Stored data:

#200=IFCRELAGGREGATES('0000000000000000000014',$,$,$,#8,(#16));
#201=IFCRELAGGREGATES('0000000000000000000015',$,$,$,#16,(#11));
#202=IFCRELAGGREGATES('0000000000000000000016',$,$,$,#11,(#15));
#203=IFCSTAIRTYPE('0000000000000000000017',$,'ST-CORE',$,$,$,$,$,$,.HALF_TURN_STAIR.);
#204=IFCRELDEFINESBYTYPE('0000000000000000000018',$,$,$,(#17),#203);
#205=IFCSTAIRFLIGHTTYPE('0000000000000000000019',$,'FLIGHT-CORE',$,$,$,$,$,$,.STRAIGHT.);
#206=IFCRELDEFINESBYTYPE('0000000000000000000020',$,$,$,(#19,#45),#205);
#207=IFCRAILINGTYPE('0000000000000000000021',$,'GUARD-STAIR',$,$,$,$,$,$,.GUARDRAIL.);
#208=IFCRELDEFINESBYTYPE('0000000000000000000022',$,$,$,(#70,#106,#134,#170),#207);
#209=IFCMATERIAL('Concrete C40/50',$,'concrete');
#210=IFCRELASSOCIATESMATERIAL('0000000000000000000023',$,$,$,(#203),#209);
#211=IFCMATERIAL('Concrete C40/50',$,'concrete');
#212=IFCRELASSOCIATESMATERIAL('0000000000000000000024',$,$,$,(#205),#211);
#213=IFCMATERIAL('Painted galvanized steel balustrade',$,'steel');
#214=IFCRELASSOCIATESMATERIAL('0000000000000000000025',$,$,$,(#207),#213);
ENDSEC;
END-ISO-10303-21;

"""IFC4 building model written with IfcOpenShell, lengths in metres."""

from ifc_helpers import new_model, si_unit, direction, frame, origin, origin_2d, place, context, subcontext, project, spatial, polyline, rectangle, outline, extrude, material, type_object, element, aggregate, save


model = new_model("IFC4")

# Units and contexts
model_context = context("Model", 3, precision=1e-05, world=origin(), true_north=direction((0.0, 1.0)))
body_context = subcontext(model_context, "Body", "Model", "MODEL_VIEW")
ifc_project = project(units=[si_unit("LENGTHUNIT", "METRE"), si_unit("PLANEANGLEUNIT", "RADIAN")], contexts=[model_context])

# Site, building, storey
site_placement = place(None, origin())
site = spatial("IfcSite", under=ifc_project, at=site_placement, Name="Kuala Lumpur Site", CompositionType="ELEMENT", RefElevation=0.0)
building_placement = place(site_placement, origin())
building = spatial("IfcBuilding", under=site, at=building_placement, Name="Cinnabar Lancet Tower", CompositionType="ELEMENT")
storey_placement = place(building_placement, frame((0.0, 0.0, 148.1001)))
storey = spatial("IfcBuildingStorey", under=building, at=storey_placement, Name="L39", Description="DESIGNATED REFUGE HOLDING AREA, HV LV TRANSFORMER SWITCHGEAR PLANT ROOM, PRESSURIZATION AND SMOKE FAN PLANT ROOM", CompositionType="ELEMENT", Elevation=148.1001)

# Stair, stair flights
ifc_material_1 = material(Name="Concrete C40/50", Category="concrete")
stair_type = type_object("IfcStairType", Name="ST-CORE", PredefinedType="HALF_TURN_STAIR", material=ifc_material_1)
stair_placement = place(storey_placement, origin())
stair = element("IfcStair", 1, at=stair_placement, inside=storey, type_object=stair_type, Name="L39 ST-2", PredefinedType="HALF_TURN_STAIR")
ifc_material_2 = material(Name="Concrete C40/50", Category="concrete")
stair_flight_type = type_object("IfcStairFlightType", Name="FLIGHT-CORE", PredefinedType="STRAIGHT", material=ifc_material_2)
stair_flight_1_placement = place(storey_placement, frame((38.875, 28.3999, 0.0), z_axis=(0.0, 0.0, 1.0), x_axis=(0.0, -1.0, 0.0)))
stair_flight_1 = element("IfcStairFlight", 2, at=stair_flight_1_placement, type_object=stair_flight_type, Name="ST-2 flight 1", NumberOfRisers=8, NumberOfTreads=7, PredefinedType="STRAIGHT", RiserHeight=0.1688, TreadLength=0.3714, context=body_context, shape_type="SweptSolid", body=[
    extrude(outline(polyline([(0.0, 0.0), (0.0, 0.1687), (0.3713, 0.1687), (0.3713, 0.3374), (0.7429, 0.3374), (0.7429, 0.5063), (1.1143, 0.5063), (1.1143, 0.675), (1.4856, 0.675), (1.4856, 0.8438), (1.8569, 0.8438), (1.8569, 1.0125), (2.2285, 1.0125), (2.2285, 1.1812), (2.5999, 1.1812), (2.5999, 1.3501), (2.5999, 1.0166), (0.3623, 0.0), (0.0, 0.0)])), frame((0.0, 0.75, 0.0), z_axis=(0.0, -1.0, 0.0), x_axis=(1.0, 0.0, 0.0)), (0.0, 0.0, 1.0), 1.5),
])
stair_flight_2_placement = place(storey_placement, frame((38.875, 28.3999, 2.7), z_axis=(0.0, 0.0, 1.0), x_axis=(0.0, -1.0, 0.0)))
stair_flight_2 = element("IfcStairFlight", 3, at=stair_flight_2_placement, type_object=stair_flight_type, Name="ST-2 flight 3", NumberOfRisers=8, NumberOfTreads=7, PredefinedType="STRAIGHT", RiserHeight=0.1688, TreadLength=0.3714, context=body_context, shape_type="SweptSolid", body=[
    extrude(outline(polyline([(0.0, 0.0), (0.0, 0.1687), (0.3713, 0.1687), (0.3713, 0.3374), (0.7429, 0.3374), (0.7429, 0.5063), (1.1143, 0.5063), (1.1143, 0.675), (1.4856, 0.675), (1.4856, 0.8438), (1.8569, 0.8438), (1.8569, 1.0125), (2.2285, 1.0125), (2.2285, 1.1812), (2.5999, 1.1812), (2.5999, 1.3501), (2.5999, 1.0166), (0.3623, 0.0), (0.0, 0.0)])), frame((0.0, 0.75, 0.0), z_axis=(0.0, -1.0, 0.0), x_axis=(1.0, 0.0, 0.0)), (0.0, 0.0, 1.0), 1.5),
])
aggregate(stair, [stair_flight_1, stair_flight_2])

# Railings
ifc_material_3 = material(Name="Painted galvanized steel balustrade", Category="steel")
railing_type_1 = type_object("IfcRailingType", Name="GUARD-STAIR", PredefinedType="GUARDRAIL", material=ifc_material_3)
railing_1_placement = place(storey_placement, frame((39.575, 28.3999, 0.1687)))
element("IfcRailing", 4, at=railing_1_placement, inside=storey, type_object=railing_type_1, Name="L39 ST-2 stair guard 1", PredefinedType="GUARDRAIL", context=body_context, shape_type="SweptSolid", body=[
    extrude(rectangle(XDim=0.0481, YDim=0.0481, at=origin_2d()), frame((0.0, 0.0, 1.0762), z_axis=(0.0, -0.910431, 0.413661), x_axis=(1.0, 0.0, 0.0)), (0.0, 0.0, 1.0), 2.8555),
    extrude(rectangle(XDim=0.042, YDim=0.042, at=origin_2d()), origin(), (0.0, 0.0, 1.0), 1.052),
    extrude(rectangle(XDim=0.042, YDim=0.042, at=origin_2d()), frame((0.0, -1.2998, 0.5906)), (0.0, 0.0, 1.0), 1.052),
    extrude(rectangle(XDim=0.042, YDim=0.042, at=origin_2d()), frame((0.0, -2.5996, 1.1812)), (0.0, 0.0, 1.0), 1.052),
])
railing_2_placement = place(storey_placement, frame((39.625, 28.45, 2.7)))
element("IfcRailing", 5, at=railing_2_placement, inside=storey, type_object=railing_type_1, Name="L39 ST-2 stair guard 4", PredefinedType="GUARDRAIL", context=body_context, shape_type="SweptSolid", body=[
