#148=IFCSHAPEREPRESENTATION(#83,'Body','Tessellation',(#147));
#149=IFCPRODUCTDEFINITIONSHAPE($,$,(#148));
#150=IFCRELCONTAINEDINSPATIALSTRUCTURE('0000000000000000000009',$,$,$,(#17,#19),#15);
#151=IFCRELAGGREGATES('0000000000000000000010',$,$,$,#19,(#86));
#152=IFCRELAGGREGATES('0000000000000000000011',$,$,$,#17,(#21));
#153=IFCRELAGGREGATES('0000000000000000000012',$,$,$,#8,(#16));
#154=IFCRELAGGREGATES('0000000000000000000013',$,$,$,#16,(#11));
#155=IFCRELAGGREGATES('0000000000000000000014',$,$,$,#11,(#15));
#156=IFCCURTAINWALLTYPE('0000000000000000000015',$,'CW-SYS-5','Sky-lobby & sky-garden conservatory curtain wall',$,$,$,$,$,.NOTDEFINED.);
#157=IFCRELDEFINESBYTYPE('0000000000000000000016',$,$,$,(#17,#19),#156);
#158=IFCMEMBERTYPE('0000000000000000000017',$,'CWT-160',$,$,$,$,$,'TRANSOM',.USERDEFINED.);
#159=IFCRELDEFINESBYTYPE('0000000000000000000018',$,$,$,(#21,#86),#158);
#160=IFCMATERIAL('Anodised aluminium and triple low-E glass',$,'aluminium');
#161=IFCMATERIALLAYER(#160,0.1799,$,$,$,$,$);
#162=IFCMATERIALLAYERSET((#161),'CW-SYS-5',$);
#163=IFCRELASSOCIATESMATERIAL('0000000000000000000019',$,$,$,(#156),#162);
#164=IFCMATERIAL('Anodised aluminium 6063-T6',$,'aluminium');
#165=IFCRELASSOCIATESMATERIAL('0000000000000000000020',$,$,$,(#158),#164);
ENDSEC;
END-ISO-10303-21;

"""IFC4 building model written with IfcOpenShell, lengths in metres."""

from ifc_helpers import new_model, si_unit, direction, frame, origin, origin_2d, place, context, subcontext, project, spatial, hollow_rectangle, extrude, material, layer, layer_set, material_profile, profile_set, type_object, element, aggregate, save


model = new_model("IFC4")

### [EXERCISE OBJECTIVE]
Using the data above, return every line that contains the string "IFCRELASSOCIATESMATERIAL".

### [FINISHED TASK]
#210=IFCRELASSOCIATESMATERIAL('0000000000000000000023',$,$,$,(#203),#209);
#212=IFCRELASSOCIATESMATERIAL('0000000000000000000024',$,$,$,(#205),#211);
#214=IFCRELASSOCIATESMATERIAL('0000000000000000000025',$,$,$,(#207),#213);
#163=IFCRELASSOCIATESMATERIAL('0000000000000000000019',$,$,$,(#156),#162);
#165=IFCRELASSOCIATESMATERIAL('0000000000000000000020',$,$,$,(#158),#164);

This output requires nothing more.